■ **RECORDED DATA**:
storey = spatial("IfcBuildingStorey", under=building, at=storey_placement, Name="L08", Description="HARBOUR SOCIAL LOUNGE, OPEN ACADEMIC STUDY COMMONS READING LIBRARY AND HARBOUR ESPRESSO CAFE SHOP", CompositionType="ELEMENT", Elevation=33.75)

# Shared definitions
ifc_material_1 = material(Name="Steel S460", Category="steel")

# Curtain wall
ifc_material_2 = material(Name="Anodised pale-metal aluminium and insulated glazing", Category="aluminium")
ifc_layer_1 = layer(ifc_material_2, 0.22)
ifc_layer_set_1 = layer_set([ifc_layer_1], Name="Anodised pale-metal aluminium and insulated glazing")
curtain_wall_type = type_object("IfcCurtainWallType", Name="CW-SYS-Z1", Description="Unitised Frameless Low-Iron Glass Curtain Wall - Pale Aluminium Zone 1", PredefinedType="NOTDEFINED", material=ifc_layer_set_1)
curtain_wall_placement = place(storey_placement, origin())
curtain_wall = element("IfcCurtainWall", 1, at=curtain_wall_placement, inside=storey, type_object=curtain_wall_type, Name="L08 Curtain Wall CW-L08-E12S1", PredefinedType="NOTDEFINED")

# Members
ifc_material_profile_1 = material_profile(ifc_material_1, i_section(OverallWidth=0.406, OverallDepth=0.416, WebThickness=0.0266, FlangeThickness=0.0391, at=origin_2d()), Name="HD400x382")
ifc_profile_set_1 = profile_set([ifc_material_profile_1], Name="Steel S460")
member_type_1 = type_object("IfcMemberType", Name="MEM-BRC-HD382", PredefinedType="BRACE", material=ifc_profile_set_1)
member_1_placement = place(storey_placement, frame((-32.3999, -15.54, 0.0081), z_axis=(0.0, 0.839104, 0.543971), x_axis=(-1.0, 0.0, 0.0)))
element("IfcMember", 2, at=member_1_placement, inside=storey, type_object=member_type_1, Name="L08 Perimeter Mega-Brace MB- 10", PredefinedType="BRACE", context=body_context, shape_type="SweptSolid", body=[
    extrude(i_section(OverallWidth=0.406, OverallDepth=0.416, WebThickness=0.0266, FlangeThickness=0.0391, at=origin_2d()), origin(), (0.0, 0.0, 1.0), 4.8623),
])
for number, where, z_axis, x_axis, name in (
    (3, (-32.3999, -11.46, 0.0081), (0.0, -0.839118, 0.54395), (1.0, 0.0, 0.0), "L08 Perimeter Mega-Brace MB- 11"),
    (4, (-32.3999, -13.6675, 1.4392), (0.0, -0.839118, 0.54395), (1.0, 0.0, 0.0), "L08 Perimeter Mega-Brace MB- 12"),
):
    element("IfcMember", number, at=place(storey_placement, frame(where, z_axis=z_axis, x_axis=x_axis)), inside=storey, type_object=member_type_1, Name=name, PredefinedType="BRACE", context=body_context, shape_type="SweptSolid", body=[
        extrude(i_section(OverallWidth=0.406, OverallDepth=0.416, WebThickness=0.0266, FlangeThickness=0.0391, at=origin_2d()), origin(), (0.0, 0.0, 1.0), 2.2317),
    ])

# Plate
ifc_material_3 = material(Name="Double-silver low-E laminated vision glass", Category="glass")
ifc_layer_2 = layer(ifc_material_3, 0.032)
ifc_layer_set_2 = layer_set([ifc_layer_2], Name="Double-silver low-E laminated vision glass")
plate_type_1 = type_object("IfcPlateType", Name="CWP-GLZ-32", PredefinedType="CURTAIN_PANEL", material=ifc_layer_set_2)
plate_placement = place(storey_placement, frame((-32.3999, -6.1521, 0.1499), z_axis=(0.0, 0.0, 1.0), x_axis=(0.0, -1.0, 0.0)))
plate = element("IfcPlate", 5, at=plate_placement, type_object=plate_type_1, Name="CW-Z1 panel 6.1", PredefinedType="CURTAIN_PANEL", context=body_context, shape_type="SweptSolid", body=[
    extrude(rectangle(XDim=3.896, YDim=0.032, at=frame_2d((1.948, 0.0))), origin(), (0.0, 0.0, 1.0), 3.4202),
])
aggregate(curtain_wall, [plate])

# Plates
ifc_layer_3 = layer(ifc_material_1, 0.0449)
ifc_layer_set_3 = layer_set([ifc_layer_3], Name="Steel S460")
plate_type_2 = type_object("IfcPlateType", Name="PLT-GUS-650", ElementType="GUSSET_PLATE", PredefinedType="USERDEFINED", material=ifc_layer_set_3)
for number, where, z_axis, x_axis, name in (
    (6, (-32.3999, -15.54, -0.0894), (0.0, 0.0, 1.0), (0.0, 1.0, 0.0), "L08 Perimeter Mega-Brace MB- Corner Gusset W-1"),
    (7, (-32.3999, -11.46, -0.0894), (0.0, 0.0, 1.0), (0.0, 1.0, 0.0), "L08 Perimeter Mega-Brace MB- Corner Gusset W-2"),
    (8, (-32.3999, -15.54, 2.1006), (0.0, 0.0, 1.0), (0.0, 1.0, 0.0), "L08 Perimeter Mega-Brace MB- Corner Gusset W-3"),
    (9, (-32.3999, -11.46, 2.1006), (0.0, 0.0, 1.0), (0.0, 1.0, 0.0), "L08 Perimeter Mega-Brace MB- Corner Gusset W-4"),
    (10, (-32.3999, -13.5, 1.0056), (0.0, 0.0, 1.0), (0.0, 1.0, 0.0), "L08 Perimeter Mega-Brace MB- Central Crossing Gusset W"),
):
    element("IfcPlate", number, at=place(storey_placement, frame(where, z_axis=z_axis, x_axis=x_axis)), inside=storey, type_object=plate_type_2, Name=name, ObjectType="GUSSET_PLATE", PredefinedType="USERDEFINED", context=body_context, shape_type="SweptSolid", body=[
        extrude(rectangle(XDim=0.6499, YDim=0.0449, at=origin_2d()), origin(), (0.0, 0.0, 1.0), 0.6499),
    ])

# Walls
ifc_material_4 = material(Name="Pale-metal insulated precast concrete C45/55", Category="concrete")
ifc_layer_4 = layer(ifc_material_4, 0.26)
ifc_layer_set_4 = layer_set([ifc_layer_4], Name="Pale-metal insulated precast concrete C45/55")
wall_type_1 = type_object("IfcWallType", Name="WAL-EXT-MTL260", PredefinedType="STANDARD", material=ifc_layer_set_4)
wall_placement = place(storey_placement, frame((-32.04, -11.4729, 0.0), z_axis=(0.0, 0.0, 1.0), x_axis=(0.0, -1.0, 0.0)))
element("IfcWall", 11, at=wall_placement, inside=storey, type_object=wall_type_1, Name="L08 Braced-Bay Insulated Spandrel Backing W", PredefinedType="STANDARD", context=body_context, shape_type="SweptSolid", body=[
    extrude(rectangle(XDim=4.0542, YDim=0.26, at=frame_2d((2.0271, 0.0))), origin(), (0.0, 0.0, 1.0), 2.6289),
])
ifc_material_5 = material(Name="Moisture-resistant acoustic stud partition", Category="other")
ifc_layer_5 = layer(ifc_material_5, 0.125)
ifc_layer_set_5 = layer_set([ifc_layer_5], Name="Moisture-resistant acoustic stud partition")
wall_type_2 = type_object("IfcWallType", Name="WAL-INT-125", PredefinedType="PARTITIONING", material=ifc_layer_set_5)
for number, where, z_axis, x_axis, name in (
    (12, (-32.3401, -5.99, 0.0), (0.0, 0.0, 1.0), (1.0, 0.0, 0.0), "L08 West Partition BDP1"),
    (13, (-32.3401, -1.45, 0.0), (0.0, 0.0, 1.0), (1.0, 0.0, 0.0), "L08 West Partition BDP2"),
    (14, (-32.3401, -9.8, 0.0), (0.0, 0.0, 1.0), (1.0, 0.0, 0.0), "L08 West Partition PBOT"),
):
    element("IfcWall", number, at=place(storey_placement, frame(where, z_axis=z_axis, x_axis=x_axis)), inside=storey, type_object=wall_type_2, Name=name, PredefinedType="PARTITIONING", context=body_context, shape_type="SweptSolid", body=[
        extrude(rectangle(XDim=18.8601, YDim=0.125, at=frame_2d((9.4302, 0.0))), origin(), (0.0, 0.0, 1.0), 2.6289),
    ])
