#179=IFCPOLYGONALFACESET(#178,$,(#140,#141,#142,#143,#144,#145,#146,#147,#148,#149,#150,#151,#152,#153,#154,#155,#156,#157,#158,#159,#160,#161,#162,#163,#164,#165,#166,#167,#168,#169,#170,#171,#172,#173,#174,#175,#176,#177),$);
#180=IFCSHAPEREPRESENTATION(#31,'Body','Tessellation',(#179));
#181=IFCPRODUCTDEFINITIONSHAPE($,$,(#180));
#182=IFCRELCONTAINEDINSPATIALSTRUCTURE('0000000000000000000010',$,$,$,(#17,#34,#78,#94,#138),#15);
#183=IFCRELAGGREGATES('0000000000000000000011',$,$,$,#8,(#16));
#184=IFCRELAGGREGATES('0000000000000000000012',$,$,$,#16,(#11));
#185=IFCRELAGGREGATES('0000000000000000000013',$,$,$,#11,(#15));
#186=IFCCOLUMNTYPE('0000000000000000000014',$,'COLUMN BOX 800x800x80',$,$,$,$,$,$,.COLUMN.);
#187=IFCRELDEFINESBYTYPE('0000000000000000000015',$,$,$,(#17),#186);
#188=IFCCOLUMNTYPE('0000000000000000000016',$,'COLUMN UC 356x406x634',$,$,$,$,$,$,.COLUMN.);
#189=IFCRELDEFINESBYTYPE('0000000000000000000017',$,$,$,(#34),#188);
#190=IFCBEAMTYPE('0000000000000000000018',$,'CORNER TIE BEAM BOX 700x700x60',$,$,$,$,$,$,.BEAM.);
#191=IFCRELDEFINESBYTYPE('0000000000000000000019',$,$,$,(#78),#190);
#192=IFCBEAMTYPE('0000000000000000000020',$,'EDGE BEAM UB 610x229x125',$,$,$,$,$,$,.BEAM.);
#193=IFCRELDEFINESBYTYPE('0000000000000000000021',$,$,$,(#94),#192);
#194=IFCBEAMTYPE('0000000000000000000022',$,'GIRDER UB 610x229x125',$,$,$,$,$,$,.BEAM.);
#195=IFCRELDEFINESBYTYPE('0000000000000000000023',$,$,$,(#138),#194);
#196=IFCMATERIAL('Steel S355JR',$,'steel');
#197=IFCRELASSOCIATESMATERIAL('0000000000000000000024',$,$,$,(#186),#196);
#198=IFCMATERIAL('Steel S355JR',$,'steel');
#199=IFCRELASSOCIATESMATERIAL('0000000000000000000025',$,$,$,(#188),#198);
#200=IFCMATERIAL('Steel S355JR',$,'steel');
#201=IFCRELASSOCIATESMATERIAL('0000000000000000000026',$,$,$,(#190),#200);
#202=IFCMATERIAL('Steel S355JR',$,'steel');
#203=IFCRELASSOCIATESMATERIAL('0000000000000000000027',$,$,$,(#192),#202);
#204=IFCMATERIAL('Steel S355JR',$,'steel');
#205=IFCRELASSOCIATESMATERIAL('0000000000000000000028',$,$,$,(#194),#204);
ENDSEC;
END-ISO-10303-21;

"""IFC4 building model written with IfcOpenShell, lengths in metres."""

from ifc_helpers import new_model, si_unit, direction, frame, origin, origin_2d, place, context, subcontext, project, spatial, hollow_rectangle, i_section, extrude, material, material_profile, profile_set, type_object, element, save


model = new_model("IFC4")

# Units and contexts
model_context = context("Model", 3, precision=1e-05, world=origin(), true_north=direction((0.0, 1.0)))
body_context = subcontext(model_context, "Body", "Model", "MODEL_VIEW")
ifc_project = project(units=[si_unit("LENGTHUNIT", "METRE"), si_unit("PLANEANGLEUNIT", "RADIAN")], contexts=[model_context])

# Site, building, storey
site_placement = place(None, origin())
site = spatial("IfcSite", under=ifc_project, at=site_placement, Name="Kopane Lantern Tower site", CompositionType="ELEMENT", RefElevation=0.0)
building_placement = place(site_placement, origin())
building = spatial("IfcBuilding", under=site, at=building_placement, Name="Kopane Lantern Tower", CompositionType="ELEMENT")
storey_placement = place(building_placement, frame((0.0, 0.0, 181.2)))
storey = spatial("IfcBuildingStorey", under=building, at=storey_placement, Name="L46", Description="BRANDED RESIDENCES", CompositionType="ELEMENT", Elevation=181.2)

■ **DIRECTIONS FOR THIS TASK**: Reproduce the material above exactly, beginning at its first line and ending with the line that holds "Frameless Low-Iron Glass". Include nothing else.

■ **OUTPUT FOR THIS TASK**:
storey = spatial("IfcBuildingStorey", under=building, at=storey_placement, Name="L08", Description="HARBOUR SOCIAL LOUNGE, OPEN ACADEMIC STUDY COMMONS READING LIBRARY AND HARBOUR ESPRESSO CAFE SHOP", CompositionType="ELEMENT", Elevation=33.75)

# Shared definitions
ifc_material_1 = material(Name="Steel S460", Category="steel")

# Curtain wall
ifc_material_2 = material(Name="Anodised pale-metal aluminium and insulated glazing", Category="aluminium")
ifc_layer_1 = layer(ifc_material_2, 0.22)
ifc_layer_set_1 = layer_set([ifc_layer_1], Name="Anodised pale-metal aluminium and insulated glazing")
curtain_wall_type = type_object("IfcCurtainWallType", Name="CW-SYS-Z1", Description="Unitised Frameless Low-Iron Glass Curtain Wall - Pale Aluminium Zone 1", PredefinedType="NOTDEFINED", material=ifc_layer_set_1)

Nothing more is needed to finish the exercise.